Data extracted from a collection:
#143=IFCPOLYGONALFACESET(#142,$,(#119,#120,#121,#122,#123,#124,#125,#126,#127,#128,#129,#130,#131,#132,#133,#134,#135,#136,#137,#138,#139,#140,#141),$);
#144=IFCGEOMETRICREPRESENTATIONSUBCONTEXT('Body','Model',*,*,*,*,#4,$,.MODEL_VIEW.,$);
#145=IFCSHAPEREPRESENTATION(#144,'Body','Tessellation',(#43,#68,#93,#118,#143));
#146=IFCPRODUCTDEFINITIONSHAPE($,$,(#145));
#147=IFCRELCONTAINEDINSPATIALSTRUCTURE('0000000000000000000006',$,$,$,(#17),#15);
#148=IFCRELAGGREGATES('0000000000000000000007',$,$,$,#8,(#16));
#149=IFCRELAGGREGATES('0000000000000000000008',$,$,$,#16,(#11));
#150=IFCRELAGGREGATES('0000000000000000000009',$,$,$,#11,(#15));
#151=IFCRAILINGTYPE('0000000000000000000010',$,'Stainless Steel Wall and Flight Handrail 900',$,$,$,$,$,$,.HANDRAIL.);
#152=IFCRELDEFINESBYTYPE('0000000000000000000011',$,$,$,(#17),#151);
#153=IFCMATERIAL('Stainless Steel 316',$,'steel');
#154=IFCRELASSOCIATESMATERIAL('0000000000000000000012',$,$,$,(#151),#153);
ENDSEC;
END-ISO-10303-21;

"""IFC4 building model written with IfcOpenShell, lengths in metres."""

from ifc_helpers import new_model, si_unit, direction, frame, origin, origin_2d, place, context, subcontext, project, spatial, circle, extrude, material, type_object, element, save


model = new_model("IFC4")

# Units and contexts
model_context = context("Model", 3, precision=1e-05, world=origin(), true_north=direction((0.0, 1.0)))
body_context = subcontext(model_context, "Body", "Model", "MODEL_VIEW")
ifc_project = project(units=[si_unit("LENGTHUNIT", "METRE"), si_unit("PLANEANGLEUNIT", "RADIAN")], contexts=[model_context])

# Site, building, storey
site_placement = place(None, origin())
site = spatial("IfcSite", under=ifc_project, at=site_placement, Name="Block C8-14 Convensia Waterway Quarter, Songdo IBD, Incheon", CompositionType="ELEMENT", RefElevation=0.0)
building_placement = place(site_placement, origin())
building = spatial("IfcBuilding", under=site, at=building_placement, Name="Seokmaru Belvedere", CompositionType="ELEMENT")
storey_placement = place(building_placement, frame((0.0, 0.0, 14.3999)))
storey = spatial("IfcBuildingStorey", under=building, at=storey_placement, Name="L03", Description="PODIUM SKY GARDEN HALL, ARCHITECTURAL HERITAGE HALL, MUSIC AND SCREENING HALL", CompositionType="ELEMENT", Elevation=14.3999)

TASK ITEM >>
Copy out the lines of the data where the string "CompositionType" occurs.

ANSWER BELOW >>
site = spatial("IfcSite", under=ifc_project, at=site_placement, Name="Block C8-14 Convensia Waterway Quarter, Songdo IBD, Incheon", CompositionType="ELEMENT", RefElevation=0.0)
building = spatial("IfcBuilding", under=site, at=building_placement, Name="Seokmaru Belvedere", CompositionType="ELEMENT")
storey = spatial("IfcBuildingStorey", under=building, at=storey_placement, Name="L03", Description="PODIUM SKY GARDEN HALL, ARCHITECTURAL HERITAGE HALL, MUSIC AND SCREENING HALL", CompositionType="ELEMENT", Elevation=14.3999)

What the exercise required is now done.